* Task statement:
Check each line of the material for "Glazing" and report how many lines have it, with nothing added.

* Data for processing:
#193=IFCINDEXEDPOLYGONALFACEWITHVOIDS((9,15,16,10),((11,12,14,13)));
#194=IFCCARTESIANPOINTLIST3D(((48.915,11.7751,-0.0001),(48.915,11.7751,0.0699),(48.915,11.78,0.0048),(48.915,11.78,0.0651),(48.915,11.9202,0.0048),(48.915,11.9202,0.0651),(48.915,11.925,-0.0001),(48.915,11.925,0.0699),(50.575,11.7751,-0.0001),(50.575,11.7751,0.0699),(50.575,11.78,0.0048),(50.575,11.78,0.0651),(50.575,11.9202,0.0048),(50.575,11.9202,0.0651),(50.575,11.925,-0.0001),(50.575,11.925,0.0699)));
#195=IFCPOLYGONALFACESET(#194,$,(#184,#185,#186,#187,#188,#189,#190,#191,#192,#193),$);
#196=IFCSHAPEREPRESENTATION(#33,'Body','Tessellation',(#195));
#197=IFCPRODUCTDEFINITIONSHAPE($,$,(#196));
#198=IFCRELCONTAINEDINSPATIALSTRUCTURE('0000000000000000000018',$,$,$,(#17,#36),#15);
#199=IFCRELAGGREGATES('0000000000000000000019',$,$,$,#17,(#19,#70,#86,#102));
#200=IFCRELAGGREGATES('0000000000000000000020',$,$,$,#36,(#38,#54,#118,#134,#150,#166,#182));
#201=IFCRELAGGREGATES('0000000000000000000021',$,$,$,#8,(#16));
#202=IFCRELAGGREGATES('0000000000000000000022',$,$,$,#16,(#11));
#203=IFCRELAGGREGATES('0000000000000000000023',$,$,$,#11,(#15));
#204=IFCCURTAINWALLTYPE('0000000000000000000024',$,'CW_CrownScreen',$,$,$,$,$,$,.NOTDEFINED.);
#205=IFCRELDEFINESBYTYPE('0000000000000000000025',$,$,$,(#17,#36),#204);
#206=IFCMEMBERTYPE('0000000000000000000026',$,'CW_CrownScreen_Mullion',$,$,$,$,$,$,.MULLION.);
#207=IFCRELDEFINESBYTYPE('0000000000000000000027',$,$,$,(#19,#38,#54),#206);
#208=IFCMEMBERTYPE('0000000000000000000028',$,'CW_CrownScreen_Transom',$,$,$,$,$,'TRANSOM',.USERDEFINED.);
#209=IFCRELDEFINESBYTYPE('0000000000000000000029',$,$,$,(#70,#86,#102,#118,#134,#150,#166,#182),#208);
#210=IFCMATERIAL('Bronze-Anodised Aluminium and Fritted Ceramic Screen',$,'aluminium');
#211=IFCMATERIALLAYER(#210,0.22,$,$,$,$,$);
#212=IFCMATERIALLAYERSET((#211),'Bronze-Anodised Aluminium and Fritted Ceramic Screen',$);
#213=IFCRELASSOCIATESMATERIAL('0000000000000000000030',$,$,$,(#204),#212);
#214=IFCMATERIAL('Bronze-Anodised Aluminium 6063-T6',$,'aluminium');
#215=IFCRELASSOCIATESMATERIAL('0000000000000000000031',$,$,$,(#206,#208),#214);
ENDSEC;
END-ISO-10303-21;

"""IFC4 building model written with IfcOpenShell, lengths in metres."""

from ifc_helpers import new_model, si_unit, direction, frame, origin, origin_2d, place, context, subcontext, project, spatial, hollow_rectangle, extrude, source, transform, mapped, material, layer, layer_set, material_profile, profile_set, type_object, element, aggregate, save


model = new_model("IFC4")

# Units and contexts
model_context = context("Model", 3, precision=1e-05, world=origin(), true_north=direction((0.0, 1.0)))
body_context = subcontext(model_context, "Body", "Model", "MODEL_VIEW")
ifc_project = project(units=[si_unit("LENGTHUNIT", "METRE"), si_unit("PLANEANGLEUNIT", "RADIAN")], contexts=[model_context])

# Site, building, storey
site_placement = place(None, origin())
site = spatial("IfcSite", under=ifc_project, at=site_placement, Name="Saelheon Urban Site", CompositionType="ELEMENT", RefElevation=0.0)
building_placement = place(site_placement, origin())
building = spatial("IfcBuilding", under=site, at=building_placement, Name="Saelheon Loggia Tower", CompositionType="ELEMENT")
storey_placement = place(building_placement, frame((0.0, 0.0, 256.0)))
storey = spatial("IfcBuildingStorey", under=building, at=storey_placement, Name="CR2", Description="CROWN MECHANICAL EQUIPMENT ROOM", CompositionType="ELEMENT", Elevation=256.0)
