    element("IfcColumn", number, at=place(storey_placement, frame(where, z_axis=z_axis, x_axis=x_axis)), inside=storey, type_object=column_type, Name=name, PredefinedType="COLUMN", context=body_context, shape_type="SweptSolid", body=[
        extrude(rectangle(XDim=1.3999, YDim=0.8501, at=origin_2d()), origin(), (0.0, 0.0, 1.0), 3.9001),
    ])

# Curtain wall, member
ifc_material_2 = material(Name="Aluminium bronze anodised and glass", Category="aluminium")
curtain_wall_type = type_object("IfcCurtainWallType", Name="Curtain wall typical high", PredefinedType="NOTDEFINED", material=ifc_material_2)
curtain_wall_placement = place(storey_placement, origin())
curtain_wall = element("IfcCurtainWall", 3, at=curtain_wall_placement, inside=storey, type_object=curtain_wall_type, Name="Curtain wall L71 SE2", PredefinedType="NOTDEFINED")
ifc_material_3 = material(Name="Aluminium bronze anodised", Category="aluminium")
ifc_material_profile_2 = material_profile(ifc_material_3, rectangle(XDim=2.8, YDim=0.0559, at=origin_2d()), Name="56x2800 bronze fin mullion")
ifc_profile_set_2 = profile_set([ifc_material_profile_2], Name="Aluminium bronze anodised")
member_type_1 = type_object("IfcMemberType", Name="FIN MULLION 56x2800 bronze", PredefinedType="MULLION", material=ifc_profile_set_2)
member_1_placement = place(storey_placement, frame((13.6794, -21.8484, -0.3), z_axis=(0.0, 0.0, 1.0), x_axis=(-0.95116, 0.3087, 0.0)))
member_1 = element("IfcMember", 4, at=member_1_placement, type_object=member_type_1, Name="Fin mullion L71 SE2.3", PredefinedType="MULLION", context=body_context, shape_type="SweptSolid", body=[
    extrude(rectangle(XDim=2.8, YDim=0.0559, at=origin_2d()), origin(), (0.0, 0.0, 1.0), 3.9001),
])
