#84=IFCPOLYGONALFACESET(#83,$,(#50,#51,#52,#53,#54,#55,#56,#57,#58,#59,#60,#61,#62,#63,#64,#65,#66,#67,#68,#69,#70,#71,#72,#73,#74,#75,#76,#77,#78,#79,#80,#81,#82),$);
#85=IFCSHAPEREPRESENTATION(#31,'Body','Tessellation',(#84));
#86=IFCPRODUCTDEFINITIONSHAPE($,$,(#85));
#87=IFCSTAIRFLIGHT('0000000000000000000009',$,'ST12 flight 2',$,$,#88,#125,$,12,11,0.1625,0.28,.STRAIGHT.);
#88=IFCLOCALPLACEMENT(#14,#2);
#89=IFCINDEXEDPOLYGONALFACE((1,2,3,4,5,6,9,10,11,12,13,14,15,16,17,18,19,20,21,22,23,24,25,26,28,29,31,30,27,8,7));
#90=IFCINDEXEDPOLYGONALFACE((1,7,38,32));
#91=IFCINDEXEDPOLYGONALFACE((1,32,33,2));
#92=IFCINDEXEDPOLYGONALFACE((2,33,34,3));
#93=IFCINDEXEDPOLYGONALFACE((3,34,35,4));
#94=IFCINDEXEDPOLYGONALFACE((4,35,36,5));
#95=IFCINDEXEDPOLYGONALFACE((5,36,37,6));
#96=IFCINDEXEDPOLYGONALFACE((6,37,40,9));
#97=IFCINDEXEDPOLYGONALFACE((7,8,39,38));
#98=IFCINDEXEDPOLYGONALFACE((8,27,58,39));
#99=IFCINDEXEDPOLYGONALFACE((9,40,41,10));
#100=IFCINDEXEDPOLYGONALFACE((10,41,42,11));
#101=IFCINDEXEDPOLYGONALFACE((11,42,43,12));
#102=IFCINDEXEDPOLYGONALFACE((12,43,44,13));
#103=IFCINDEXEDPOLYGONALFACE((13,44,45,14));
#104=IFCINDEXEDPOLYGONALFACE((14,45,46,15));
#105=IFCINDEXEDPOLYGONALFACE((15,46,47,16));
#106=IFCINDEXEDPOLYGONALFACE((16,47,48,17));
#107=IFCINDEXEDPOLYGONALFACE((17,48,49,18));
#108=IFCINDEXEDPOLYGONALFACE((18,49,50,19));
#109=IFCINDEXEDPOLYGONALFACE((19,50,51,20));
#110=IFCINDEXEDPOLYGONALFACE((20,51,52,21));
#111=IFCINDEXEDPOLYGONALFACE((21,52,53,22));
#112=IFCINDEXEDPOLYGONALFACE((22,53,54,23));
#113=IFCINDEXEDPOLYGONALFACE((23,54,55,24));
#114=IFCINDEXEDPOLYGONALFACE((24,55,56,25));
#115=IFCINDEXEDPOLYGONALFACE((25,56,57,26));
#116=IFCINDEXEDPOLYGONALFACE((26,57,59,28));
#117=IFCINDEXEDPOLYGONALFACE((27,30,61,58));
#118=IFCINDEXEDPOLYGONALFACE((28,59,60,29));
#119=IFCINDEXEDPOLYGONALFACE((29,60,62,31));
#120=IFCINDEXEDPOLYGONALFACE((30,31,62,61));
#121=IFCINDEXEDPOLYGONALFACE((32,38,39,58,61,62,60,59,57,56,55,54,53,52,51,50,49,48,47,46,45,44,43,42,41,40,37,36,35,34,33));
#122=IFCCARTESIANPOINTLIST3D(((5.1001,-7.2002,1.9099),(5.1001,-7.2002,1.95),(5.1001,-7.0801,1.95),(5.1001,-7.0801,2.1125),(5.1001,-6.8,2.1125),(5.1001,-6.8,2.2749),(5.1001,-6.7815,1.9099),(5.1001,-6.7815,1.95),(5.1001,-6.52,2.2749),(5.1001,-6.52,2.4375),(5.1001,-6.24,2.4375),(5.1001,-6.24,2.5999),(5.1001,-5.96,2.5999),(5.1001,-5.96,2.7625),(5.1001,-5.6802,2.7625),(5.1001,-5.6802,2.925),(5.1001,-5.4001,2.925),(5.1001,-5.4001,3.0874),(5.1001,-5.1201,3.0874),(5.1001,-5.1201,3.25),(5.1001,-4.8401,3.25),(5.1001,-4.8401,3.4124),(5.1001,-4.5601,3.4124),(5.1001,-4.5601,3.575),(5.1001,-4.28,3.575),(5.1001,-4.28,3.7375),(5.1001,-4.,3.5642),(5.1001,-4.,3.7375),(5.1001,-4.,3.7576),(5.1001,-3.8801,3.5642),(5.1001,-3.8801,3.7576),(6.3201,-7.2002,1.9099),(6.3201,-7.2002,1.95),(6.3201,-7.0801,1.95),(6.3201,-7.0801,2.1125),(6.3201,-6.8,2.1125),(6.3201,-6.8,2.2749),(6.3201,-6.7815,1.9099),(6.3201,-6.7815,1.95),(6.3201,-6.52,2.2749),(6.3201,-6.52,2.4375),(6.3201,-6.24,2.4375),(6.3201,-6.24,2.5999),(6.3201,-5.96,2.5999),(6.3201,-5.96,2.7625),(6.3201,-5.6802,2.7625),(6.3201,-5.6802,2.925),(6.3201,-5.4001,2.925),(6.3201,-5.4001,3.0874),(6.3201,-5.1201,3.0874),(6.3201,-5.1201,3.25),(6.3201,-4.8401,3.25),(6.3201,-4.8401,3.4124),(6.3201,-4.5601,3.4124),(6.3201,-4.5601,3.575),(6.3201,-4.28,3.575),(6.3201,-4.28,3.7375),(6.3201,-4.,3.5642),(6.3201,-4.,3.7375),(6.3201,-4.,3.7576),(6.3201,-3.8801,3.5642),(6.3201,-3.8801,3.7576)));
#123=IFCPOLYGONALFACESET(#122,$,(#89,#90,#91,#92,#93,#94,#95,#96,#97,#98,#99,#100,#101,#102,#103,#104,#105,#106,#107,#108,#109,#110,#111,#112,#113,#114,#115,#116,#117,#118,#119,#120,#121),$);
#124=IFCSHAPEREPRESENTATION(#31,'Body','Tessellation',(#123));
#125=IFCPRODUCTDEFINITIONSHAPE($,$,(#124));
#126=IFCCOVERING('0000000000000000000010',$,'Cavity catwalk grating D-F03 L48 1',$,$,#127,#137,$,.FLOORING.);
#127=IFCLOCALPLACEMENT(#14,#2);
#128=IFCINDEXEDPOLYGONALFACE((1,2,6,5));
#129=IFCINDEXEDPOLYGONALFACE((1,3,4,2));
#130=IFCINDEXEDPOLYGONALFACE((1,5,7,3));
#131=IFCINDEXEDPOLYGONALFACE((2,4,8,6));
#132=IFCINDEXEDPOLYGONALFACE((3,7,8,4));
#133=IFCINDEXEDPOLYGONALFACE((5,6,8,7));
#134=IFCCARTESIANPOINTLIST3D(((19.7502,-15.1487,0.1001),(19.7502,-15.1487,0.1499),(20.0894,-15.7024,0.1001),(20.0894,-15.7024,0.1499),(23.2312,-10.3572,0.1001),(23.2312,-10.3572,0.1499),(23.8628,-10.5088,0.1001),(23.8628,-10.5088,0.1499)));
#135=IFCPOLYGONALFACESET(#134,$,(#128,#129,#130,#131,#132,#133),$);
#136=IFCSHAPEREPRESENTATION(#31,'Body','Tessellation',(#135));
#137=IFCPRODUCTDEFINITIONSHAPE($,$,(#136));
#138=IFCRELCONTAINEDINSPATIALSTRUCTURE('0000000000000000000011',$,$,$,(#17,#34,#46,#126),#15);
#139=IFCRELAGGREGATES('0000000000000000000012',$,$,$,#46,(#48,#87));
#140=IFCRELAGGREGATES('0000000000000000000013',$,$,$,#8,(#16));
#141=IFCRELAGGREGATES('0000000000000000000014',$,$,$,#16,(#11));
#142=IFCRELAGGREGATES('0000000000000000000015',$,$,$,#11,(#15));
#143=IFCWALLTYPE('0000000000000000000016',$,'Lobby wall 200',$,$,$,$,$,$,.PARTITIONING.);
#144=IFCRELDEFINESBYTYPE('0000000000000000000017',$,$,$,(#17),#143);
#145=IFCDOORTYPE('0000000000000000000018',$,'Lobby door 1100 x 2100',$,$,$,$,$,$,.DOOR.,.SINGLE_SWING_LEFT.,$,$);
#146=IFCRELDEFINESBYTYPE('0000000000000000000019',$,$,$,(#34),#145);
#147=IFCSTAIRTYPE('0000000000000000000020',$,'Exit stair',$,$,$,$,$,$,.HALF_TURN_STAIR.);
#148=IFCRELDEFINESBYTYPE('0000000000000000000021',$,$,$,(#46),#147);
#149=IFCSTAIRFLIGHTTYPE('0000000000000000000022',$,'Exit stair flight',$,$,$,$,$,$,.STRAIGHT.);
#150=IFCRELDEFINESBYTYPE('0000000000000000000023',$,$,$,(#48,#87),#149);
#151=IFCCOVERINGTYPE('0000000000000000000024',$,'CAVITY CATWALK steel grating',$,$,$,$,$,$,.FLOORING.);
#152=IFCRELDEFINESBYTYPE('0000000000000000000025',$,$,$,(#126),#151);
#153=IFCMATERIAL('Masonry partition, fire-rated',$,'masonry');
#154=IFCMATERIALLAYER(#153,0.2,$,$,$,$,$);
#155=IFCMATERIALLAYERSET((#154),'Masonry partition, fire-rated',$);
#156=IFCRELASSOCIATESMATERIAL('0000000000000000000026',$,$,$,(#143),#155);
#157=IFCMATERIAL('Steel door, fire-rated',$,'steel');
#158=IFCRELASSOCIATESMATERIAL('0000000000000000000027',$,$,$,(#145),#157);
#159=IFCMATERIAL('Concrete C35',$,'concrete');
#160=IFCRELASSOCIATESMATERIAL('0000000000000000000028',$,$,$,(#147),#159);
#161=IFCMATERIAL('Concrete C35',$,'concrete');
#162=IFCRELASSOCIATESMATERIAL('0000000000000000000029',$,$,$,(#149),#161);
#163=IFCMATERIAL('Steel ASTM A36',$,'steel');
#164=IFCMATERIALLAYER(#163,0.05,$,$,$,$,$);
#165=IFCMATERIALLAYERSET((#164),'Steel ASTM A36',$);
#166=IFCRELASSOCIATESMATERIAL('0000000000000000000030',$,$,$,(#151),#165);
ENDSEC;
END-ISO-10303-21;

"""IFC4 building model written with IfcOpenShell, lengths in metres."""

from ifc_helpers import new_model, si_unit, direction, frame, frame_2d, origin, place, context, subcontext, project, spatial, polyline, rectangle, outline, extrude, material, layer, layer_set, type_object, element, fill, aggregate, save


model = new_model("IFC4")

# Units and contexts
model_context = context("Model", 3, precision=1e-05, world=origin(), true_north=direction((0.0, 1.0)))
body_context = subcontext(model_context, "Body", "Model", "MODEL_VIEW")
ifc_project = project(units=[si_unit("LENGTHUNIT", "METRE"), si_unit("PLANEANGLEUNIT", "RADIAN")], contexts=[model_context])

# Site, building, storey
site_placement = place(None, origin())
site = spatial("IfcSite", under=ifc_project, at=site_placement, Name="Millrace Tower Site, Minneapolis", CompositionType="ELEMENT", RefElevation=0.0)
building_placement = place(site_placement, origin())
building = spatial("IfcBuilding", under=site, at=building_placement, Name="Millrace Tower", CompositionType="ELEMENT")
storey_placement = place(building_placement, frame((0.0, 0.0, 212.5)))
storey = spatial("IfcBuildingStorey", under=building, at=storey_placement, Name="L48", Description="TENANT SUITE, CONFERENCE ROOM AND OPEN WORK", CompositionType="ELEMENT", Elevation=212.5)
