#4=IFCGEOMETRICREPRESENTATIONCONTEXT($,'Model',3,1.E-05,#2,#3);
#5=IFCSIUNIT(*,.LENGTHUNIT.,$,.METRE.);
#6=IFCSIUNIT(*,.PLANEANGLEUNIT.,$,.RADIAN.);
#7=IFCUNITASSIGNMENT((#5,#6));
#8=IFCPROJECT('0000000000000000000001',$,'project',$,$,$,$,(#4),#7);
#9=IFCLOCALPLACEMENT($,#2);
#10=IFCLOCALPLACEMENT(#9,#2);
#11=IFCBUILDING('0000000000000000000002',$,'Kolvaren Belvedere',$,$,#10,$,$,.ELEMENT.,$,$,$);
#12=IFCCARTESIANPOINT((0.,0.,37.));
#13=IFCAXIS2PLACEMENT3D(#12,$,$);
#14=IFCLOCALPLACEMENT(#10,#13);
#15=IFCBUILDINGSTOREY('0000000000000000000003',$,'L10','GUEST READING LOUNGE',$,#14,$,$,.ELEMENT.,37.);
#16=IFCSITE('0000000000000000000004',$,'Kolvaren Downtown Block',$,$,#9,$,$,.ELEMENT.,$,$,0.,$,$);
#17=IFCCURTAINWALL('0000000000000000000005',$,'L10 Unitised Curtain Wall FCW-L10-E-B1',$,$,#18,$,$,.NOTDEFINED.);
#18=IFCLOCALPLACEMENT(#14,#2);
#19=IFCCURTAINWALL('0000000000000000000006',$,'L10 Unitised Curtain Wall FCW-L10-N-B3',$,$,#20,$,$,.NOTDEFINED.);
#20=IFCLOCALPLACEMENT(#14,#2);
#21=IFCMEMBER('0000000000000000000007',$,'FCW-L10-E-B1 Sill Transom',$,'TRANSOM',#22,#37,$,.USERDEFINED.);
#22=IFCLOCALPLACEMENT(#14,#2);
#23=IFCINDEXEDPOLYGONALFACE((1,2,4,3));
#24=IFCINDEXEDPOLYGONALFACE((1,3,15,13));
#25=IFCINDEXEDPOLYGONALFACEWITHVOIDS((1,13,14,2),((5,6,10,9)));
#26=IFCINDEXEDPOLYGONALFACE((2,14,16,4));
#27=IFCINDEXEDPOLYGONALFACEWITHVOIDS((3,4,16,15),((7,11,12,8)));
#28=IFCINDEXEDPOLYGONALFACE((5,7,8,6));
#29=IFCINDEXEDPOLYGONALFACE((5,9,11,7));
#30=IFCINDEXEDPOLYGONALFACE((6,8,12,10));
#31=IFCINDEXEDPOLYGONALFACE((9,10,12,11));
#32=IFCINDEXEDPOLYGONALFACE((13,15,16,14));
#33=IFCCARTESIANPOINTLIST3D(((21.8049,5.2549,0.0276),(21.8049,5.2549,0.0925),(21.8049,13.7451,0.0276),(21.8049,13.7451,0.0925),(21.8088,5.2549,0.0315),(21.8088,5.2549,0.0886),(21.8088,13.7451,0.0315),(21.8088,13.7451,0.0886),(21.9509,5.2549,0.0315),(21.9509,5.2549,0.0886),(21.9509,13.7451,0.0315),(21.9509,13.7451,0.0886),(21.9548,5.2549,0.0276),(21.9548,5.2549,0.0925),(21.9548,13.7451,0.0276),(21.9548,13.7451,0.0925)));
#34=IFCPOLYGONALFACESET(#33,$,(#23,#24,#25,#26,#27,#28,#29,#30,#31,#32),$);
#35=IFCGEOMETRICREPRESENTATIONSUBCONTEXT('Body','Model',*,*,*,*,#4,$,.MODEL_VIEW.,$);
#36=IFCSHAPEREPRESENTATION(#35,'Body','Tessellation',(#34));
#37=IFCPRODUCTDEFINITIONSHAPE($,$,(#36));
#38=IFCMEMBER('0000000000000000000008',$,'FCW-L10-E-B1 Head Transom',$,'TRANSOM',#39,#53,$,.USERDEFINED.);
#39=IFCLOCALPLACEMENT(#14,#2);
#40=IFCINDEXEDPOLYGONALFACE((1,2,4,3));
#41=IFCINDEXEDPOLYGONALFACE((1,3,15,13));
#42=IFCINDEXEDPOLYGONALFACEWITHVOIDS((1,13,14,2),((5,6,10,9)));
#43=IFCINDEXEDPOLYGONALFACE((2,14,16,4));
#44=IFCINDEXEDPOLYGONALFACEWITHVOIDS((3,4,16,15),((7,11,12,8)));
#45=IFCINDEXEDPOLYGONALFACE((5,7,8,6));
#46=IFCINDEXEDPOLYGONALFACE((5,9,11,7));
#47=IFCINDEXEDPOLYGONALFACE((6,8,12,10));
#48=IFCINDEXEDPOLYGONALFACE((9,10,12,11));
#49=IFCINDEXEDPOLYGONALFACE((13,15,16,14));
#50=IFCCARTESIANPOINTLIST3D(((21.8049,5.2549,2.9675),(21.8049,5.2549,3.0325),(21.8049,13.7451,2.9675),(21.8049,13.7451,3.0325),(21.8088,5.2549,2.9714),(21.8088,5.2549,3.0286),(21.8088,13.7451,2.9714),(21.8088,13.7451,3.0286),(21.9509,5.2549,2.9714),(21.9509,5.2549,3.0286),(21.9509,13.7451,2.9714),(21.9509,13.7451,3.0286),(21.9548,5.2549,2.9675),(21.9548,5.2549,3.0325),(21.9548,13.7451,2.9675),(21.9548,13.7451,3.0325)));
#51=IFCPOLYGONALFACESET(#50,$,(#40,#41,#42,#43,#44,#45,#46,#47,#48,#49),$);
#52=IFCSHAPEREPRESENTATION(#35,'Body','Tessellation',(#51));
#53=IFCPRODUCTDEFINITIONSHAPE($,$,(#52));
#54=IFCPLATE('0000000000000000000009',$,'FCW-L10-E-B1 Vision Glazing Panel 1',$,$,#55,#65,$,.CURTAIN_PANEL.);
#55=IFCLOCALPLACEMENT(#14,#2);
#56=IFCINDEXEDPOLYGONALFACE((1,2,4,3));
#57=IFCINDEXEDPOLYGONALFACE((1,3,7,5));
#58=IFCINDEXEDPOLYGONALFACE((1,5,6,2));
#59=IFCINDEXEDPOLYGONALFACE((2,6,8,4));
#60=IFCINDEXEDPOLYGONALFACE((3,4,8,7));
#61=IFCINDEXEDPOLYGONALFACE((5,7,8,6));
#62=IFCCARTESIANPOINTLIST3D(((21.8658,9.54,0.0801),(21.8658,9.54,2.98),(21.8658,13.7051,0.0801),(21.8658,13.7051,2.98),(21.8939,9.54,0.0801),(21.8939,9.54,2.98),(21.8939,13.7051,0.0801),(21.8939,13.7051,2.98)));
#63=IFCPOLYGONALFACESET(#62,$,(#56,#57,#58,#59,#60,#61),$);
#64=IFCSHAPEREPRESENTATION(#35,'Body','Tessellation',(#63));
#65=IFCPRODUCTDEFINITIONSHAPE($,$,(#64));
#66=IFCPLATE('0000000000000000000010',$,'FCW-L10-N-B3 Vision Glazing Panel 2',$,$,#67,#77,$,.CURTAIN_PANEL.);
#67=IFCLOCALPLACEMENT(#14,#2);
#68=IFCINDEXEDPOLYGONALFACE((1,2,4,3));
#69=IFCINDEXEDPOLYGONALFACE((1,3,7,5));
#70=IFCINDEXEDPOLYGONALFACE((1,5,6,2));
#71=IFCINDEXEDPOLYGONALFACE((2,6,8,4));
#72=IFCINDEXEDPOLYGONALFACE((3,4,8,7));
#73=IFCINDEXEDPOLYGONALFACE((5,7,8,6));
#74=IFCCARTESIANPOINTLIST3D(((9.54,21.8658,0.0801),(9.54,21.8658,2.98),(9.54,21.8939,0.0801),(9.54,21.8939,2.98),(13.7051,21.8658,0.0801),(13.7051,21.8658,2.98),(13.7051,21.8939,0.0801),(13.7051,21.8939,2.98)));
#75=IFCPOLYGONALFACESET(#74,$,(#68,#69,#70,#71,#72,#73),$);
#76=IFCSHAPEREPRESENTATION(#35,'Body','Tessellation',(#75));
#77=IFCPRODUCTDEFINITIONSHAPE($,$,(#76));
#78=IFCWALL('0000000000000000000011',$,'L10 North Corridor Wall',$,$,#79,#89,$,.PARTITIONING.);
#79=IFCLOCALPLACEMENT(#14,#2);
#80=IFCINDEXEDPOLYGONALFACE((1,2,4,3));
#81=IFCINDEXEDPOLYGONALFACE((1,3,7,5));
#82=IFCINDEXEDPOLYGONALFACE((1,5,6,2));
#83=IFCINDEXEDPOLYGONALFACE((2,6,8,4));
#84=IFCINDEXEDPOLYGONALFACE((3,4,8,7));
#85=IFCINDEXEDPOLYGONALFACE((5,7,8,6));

* Expected output:
2